── EXCERPTED RECORDS
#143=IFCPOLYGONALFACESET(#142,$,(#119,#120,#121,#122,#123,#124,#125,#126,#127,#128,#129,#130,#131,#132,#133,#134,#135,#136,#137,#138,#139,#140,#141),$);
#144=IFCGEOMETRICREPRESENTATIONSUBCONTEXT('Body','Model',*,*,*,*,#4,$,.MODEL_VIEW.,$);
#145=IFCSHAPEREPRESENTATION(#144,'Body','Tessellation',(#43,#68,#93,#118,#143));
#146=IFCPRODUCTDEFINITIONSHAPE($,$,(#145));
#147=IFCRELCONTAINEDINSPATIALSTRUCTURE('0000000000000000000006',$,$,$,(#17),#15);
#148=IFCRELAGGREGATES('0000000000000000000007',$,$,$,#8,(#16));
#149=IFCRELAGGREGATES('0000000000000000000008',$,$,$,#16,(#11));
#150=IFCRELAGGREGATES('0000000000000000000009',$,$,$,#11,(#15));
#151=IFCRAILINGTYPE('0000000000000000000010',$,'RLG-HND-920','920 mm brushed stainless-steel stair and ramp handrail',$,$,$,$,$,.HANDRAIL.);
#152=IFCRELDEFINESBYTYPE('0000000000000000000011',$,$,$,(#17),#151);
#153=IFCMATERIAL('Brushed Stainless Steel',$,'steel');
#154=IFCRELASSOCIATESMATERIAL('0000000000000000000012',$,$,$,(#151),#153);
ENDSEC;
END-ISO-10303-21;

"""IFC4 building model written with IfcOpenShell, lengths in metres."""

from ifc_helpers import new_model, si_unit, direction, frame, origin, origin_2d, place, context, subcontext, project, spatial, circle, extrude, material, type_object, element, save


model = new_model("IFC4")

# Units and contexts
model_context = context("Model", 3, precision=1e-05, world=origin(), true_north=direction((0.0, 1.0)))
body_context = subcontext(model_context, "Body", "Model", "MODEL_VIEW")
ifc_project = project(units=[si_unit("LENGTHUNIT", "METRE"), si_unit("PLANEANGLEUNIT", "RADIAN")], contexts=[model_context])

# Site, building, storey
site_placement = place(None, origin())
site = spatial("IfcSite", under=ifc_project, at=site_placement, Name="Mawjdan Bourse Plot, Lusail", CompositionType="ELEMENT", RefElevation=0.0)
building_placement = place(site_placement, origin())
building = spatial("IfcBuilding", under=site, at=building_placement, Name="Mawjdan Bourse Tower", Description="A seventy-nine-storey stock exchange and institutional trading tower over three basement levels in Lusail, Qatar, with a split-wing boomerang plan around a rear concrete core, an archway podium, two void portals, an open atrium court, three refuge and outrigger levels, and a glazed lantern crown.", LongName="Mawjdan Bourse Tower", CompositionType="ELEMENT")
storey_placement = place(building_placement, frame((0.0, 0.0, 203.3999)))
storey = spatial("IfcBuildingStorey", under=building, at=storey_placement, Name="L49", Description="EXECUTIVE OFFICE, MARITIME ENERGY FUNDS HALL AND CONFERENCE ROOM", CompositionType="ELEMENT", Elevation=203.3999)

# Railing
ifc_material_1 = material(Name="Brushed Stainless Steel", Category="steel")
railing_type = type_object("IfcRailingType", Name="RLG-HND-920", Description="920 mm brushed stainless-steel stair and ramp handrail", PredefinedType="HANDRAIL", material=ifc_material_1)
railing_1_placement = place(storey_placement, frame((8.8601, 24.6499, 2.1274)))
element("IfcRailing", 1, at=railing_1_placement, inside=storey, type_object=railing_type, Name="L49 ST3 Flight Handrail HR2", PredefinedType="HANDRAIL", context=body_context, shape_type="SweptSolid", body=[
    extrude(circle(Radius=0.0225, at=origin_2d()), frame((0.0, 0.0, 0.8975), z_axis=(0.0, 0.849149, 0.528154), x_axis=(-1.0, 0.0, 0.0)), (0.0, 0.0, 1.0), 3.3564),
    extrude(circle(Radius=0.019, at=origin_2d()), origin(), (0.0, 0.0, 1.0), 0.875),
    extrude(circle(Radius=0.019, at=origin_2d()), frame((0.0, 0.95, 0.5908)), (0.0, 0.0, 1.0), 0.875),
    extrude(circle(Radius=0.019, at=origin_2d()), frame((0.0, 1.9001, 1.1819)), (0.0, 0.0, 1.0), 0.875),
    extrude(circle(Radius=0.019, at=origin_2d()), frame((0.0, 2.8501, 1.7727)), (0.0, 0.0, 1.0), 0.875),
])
────
WORK ITEM: Exactly reproduce every line found in the records.

SOLUTION:
#143=IFCPOLYGONALFACESET(#142,$,(#119,#120,#121,#122,#123,#124,#125,#126,#127,#128,#129,#130,#131,#132,#133,#134,#135,#136,#137,#138,#139,#140,#141),$);
#144=IFCGEOMETRICREPRESENTATIONSUBCONTEXT('Body','Model',*,*,*,*,#4,$,.MODEL_VIEW.,$);
#145=IFCSHAPEREPRESENTATION(#144,'Body','Tessellation',(#43,#68,#93,#118,#143));
#146=IFCPRODUCTDEFINITIONSHAPE($,$,(#145));
#147=IFCRELCONTAINEDINSPATIALSTRUCTURE('0000000000000000000006',$,$,$,(#17),#15);
#148=IFCRELAGGREGATES('0000000000000000000007',$,$,$,#8,(#16));
#149=IFCRELAGGREGATES('0000000000000000000008',$,$,$,#16,(#11));
#150=IFCRELAGGREGATES('0000000000000000000009',$,$,$,#11,(#15));
#151=IFCRAILINGTYPE('0000000000000000000010',$,'RLG-HND-920','920 mm brushed stainless-steel stair and ramp handrail',$,$,$,$,$,.HANDRAIL.);
#152=IFCRELDEFINESBYTYPE('0000000000000000000011',$,$,$,(#17),#151);
#153=IFCMATERIAL('Brushed Stainless Steel',$,'steel');
#154=IFCRELASSOCIATESMATERIAL('0000000000000000000012',$,$,$,(#151),#153);
ENDSEC;
END-ISO-10303-21;

"""IFC4 building model written with IfcOpenShell, lengths in metres."""

from ifc_helpers import new_model, si_unit, direction, frame, origin, origin_2d, place, context, subcontext, project, spatial, circle, extrude, material, type_object, element, save


model = new_model("IFC4")

# Units and contexts
model_context = context("Model", 3, precision=1e-05, world=origin(), true_north=direction((0.0, 1.0)))
body_context = subcontext(model_context, "Body", "Model", "MODEL_VIEW")
ifc_project = project(units=[si_unit("LENGTHUNIT", "METRE"), si_unit("PLANEANGLEUNIT", "RADIAN")], contexts=[model_context])

# Site, building, storey
site_placement = place(None, origin())
site = spatial("IfcSite", under=ifc_project, at=site_placement, Name="Mawjdan Bourse Plot, Lusail", CompositionType="ELEMENT", RefElevation=0.0)
building_placement = place(site_placement, origin())
building = spatial("IfcBuilding", under=site, at=building_placement, Name="Mawjdan Bourse Tower", Description="A seventy-nine-storey stock exchange and institutional trading tower over three basement levels in Lusail, Qatar, with a split-wing boomerang plan around a rear concrete core, an archway podium, two void portals, an open atrium court, three refuge and outrigger levels, and a glazed lantern crown.", LongName="Mawjdan Bourse Tower", CompositionType="ELEMENT")
storey_placement = place(building_placement, frame((0.0, 0.0, 203.3999)))
storey = spatial("IfcBuildingStorey", under=building, at=storey_placement, Name="L49", Description="EXECUTIVE OFFICE, MARITIME ENERGY FUNDS HALL AND CONFERENCE ROOM", CompositionType="ELEMENT", Elevation=203.3999)

# Railing
ifc_material_1 = material(Name="Brushed Stainless Steel", Category="steel")
railing_type = type_object("IfcRailingType", Name="RLG-HND-920", Description="920 mm brushed stainless-steel stair and ramp handrail", PredefinedType="HANDRAIL", material=ifc_material_1)
railing_1_placement = place(storey_placement, frame((8.8601, 24.6499, 2.1274)))
element("IfcRailing", 1, at=railing_1_placement, inside=storey, type_object=railing_type, Name="L49 ST3 Flight Handrail HR2", PredefinedType="HANDRAIL", context=body_context, shape_type="SweptSolid", body=[
    extrude(circle(Radius=0.0225, at=origin_2d()), frame((0.0, 0.0, 0.8975), z_axis=(0.0, 0.849149, 0.528154), x_axis=(-1.0, 0.0, 0.0)), (0.0, 0.0, 1.0), 3.3564),
    extrude(circle(Radius=0.019, at=origin_2d()), origin(), (0.0, 0.0, 1.0), 0.875),
    extrude(circle(Radius=0.019, at=origin_2d()), frame((0.0, 0.95, 0.5908)), (0.0, 0.0, 1.0), 0.875),
    extrude(circle(Radius=0.019, at=origin_2d()), frame((0.0, 1.9001, 1.1819)), (0.0, 0.0, 1.0), 0.875),
    extrude(circle(Radius=0.019, at=origin_2d()), frame((0.0, 2.8501, 1.7727)), (0.0, 0.0, 1.0), 0.875),
])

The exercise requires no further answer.